[[ Raw data, beginning ]]
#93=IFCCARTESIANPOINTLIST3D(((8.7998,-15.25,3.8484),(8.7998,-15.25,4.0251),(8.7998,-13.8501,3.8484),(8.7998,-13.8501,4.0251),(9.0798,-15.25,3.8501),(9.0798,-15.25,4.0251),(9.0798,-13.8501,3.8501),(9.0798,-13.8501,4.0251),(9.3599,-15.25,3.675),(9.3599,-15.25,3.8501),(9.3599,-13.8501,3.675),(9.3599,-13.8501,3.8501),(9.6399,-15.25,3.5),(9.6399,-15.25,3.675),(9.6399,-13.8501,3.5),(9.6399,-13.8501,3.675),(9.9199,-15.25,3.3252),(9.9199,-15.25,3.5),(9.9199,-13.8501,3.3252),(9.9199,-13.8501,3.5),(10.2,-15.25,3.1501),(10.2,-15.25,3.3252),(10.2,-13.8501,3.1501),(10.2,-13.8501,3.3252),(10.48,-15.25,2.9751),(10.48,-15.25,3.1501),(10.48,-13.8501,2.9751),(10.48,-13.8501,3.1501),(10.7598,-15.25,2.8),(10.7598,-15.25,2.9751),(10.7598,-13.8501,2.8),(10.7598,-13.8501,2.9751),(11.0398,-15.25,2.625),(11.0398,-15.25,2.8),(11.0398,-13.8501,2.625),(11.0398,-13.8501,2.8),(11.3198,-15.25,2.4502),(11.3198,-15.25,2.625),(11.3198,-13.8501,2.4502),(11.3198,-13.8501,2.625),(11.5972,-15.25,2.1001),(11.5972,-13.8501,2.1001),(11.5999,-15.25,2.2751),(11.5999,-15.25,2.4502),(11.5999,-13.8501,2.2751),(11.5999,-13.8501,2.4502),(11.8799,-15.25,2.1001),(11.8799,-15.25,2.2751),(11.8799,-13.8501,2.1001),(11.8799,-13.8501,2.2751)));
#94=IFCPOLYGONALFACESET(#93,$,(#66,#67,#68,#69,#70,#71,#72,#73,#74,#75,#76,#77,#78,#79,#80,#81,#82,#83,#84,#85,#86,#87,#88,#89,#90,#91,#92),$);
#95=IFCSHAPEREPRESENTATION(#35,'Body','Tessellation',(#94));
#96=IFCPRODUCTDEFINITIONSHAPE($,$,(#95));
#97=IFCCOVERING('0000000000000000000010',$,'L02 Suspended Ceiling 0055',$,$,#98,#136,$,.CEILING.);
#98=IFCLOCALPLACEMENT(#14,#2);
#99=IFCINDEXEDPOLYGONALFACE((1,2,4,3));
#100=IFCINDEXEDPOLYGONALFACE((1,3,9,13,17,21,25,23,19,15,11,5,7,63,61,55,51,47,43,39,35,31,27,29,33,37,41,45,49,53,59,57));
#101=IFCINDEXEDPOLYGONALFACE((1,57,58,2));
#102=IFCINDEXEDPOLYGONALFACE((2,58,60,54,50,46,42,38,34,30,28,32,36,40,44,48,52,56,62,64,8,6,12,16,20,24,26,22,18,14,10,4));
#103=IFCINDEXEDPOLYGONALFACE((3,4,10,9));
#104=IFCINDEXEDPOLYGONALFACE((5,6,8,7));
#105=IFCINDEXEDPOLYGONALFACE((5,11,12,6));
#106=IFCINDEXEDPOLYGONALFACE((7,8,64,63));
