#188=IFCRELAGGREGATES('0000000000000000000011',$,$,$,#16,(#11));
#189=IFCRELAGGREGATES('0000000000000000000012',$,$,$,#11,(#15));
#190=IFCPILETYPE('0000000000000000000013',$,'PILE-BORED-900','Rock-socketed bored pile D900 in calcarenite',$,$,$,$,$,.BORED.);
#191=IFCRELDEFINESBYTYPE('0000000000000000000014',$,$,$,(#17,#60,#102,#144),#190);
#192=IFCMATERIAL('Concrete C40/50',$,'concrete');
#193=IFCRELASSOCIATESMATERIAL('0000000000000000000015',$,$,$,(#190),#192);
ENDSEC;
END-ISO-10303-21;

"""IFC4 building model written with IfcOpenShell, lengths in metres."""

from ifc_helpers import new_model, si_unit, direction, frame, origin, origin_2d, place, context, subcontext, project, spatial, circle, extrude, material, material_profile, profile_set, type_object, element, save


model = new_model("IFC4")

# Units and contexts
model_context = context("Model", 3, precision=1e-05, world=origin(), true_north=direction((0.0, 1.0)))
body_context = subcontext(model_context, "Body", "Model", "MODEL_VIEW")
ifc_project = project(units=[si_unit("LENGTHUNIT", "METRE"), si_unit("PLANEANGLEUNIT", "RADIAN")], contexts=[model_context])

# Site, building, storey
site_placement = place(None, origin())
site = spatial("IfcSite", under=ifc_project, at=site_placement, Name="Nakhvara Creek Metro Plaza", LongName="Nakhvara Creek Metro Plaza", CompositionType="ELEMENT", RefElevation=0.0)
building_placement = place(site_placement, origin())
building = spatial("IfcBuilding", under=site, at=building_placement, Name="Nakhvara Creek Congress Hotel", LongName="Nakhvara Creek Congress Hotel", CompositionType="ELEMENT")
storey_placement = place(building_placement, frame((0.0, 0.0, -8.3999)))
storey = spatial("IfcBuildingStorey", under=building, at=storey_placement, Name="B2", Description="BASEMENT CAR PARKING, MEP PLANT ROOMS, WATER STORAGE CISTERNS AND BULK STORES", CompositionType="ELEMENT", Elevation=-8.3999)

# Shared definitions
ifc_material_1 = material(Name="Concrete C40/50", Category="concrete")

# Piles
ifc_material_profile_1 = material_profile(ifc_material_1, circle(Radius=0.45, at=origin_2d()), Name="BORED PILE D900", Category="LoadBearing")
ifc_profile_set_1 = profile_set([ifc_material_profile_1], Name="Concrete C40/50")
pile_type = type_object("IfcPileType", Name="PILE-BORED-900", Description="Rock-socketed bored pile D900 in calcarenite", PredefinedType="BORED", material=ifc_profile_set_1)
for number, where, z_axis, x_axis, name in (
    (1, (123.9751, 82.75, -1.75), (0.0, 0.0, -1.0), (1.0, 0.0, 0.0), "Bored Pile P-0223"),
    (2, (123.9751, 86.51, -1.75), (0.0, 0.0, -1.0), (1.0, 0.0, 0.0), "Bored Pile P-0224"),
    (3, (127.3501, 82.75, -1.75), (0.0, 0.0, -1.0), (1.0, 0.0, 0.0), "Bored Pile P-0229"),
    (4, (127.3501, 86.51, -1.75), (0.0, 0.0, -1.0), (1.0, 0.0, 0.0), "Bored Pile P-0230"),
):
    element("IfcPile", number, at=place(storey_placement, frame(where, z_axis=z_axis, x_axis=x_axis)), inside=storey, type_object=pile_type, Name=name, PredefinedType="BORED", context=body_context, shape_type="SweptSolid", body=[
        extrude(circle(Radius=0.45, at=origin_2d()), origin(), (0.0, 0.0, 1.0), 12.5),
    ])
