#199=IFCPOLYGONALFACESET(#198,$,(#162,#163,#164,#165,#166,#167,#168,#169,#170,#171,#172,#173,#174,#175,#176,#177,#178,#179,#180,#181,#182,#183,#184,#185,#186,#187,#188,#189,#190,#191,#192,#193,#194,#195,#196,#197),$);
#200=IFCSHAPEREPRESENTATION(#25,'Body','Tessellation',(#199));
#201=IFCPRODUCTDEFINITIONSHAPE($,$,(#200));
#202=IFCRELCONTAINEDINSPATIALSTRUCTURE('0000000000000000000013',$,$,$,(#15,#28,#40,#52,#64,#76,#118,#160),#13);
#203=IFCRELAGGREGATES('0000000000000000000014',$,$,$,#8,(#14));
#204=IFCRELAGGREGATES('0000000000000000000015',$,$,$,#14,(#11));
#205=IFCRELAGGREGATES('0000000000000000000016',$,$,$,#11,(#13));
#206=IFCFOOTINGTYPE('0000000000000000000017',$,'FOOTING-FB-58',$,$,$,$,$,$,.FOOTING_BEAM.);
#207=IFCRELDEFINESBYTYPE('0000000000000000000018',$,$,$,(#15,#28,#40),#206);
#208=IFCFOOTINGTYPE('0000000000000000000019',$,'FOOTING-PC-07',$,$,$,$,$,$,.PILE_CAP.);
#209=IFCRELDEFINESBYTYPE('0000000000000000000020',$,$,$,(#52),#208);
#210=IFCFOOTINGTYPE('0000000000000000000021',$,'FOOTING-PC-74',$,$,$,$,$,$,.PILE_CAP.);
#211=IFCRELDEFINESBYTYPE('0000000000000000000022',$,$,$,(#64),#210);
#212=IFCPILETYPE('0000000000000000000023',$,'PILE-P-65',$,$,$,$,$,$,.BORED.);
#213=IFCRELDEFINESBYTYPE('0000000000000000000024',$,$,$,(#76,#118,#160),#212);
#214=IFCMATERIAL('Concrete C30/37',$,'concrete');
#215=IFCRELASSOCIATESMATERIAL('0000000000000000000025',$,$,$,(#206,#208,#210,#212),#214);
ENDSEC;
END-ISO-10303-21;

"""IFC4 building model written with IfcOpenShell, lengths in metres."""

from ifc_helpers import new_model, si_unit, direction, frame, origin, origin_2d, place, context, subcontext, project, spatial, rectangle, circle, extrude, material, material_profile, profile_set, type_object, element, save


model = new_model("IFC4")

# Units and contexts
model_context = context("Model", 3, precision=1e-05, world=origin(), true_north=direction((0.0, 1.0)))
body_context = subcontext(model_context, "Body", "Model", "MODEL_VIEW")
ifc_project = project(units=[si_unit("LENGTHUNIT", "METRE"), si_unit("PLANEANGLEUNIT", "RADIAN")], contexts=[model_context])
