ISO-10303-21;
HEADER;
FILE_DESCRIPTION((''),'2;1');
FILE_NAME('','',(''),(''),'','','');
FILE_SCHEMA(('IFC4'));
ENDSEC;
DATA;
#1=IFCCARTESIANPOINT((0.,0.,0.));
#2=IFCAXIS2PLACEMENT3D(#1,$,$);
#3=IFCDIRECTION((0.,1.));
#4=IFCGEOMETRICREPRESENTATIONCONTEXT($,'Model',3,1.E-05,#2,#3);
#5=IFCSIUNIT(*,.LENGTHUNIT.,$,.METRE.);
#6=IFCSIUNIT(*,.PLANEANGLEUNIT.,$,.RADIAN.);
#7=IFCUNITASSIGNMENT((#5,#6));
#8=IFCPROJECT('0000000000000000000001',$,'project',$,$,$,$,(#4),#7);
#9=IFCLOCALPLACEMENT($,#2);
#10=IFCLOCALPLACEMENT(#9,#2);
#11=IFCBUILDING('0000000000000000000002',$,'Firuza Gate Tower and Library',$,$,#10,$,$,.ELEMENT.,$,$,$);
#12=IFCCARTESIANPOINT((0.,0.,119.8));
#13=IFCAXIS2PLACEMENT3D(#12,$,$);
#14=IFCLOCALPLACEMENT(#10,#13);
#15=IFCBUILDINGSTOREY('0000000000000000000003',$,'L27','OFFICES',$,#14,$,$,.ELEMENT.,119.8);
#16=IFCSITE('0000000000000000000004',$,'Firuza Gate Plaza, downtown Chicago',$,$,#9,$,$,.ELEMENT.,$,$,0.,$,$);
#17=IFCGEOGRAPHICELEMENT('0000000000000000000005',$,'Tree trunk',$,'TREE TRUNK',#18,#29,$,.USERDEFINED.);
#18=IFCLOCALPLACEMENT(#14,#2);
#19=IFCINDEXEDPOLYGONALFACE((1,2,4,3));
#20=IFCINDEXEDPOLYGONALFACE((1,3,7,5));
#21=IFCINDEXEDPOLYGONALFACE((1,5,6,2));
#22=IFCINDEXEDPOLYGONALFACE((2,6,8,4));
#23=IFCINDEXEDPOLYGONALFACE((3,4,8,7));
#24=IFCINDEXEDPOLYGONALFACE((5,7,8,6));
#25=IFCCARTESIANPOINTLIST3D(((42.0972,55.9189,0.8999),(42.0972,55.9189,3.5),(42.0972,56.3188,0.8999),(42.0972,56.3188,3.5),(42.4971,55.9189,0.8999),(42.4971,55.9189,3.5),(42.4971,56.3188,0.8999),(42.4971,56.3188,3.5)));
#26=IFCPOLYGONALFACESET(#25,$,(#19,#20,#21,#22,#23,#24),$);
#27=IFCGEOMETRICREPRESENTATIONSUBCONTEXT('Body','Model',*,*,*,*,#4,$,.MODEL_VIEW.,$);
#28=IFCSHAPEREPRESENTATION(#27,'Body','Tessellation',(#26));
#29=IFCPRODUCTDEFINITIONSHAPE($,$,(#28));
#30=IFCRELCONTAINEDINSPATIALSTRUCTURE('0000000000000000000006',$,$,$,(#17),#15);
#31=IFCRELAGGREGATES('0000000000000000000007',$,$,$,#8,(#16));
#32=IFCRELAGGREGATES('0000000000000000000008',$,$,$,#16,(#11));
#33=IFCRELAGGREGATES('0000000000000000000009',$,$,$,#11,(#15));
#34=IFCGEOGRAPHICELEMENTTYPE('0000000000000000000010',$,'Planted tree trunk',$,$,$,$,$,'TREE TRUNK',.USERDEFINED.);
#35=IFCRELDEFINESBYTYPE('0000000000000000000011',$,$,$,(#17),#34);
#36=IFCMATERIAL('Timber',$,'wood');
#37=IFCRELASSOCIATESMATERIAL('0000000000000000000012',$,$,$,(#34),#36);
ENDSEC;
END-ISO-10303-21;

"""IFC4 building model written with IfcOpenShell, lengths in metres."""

from ifc_helpers import new_model, si_unit, direction, frame, origin, origin_2d, place, context, subcontext, project, spatial, rectangle, extrude, material, type_object, element, save


model = new_model("IFC4")

# Units and contexts
model_context = context("Model", 3, precision=1e-05, world=origin(), true_north=direction((0.0, 1.0)))
body_context = subcontext(model_context, "Body", "Model", "MODEL_VIEW")
ifc_project = project(units=[si_unit("LENGTHUNIT", "METRE"), si_unit("PLANEANGLEUNIT", "RADIAN")], contexts=[model_context])

# Site, building, storey
site_placement = place(None, origin())
site = spatial("IfcSite", under=ifc_project, at=site_placement, Name="Firuza Gate Plaza, downtown Chicago", CompositionType="ELEMENT", RefElevation=0.0)
building_placement = place(site_placement, origin())
building = spatial("IfcBuilding", under=site, at=building_placement, Name="Firuza Gate Tower and Library", CompositionType="ELEMENT")
storey_placement = place(building_placement, frame((0.0, 0.0, 119.8)))
storey = spatial("IfcBuildingStorey", under=building, at=storey_placement, Name="L27", Description="OFFICES", CompositionType="ELEMENT", Elevation=119.8)

# Geographic element
ifc_material_1 = material(Name="Timber", Category="wood")
geographic_element_type_1 = type_object("IfcGeographicElementType", Name="Planted tree trunk", ElementType="TREE TRUNK", PredefinedType="USERDEFINED", material=ifc_material_1)
geographic_element_1_placement = place(storey_placement, frame((42.2971, 56.1189, 0.8999), z_axis=(0.0, 0.0, 1.0), x_axis=(1.0, 0.0, 0.0)))
element("IfcGeographicElement", 1, at=geographic_element_1_placement, inside=storey, type_object=geographic_element_type_1, Name="Tree trunk", ObjectType="TREE TRUNK", PredefinedType="USERDEFINED", context=body_context, shape_type="SweptSolid", body=[
    extrude(rectangle(XDim=0.3999, YDim=0.3999, at=origin_2d()), origin(), (0.0, 0.0, 1.0), 2.6001),
])

save(model, "model.ifc")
[[ Raw data, end ]]
§ What you are asked to do: Reproduce, word for word and in full, only the lines above that start at the line with "#188=IFCRELAGGREGATES('0000000000000000000011',$,$,$,#16,(#11));" and run through the line with "#192=IFCMATERIAL('Concrete C40/50',$,'concrete');", both ends included.

§ Task answer:
#188=IFCRELAGGREGATES('0000000000000000000011',$,$,$,#16,(#11));
#189=IFCRELAGGREGATES('0000000000000000000012',$,$,$,#11,(#15));
#190=IFCPILETYPE('0000000000000000000013',$,'PILE-BORED-900','Rock-socketed bored pile D900 in calcarenite',$,$,$,$,$,.BORED.);
#191=IFCRELDEFINESBYTYPE('0000000000000000000014',$,$,$,(#17,#60,#102,#144),#190);
#192=IFCMATERIAL('Concrete C40/50',$,'concrete');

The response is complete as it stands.